### What the task asks
In the records below, find the line holding "#77=IFCINDEXEDPOLYGONALFACE((51,63,64,52));" and the line holding "#112=IFCINDEXEDPOLYGONALFACE((127,128,132,131));". Set down both, with every line between them, exactly.

────────────────────────────────────────

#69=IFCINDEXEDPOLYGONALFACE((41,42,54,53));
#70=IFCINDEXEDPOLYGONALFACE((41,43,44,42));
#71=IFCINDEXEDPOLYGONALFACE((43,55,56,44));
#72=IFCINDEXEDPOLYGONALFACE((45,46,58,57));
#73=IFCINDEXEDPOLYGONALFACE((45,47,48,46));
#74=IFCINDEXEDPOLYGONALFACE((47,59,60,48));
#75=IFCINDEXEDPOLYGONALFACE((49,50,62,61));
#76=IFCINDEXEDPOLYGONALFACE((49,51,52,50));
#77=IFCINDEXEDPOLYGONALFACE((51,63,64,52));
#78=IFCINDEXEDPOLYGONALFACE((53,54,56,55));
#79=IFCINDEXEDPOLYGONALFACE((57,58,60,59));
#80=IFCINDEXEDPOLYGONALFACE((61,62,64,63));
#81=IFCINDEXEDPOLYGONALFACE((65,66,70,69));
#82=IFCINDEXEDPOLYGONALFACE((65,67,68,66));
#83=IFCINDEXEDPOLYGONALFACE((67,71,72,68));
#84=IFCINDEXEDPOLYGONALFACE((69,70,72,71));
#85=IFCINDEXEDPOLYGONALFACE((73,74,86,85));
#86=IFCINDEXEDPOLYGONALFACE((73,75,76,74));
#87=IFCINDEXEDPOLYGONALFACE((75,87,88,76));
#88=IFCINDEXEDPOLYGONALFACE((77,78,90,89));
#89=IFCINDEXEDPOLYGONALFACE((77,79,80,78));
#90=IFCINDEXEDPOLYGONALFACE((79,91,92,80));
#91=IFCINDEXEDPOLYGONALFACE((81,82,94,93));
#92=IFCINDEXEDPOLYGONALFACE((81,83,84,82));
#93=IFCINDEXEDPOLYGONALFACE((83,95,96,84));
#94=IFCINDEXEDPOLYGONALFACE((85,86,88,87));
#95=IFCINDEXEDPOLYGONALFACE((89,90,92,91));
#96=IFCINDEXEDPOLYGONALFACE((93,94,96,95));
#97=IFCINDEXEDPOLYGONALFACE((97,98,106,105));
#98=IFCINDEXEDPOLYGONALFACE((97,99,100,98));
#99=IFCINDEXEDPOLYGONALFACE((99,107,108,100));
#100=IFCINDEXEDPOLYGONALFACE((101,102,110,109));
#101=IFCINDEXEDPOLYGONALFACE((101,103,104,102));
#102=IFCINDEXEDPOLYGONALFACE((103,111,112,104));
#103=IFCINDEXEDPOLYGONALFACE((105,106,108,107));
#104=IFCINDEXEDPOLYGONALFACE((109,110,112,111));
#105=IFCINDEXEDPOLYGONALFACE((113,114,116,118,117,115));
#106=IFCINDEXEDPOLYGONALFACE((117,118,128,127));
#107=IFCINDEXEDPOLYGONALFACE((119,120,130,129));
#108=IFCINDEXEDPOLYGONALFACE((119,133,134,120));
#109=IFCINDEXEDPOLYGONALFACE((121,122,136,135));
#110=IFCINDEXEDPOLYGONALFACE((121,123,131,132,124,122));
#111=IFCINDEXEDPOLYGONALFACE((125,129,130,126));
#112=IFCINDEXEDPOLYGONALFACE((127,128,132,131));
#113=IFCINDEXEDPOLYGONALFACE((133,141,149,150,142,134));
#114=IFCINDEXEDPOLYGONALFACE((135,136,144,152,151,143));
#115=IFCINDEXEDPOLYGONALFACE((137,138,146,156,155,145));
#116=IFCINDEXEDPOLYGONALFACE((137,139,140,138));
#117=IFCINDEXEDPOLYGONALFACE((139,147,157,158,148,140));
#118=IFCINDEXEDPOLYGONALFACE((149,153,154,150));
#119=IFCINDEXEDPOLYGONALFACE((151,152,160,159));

────────────────────────────────────────

### Result for this task
#77=IFCINDEXEDPOLYGONALFACE((51,63,64,52));
#78=IFCINDEXEDPOLYGONALFACE((53,54,56,55));
#79=IFCINDEXEDPOLYGONALFACE((57,58,60,59));
#80=IFCINDEXEDPOLYGONALFACE((61,62,64,63));
#81=IFCINDEXEDPOLYGONALFACE((65,66,70,69));
#82=IFCINDEXEDPOLYGONALFACE((65,67,68,66));
#83=IFCINDEXEDPOLYGONALFACE((67,71,72,68));
#84=IFCINDEXEDPOLYGONALFACE((69,70,72,71));
#85=IFCINDEXEDPOLYGONALFACE((73,74,86,85));
#86=IFCINDEXEDPOLYGONALFACE((73,75,76,74));
#87=IFCINDEXEDPOLYGONALFACE((75,87,88,76));
#88=IFCINDEXEDPOLYGONALFACE((77,78,90,89));
#89=IFCINDEXEDPOLYGONALFACE((77,79,80,78));
#90=IFCINDEXEDPOLYGONALFACE((79,91,92,80));
#91=IFCINDEXEDPOLYGONALFACE((81,82,94,93));
#92=IFCINDEXEDPOLYGONALFACE((81,83,84,82));
#93=IFCINDEXEDPOLYGONALFACE((83,95,96,84));
#94=IFCINDEXEDPOLYGONALFACE((85,86,88,87));
#95=IFCINDEXEDPOLYGONALFACE((89,90,92,91));
#96=IFCINDEXEDPOLYGONALFACE((93,94,96,95));
#97=IFCINDEXEDPOLYGONALFACE((97,98,106,105));
#98=IFCINDEXEDPOLYGONALFACE((97,99,100,98));
#99=IFCINDEXEDPOLYGONALFACE((99,107,108,100));
#100=IFCINDEXEDPOLYGONALFACE((101,102,110,109));
#101=IFCINDEXEDPOLYGONALFACE((101,103,104,102));
#102=IFCINDEXEDPOLYGONALFACE((103,111,112,104));
#103=IFCINDEXEDPOLYGONALFACE((105,106,108,107));
#104=IFCINDEXEDPOLYGONALFACE((109,110,112,111));
#105=IFCINDEXEDPOLYGONALFACE((113,114,116,118,117,115));
#106=IFCINDEXEDPOLYGONALFACE((117,118,128,127));
#107=IFCINDEXEDPOLYGONALFACE((119,120,130,129));
#108=IFCINDEXEDPOLYGONALFACE((119,133,134,120));
#109=IFCINDEXEDPOLYGONALFACE((121,122,136,135));
#110=IFCINDEXEDPOLYGONALFACE((121,123,131,132,124,122));
#111=IFCINDEXEDPOLYGONALFACE((125,129,130,126));
#112=IFCINDEXEDPOLYGONALFACE((127,128,132,131));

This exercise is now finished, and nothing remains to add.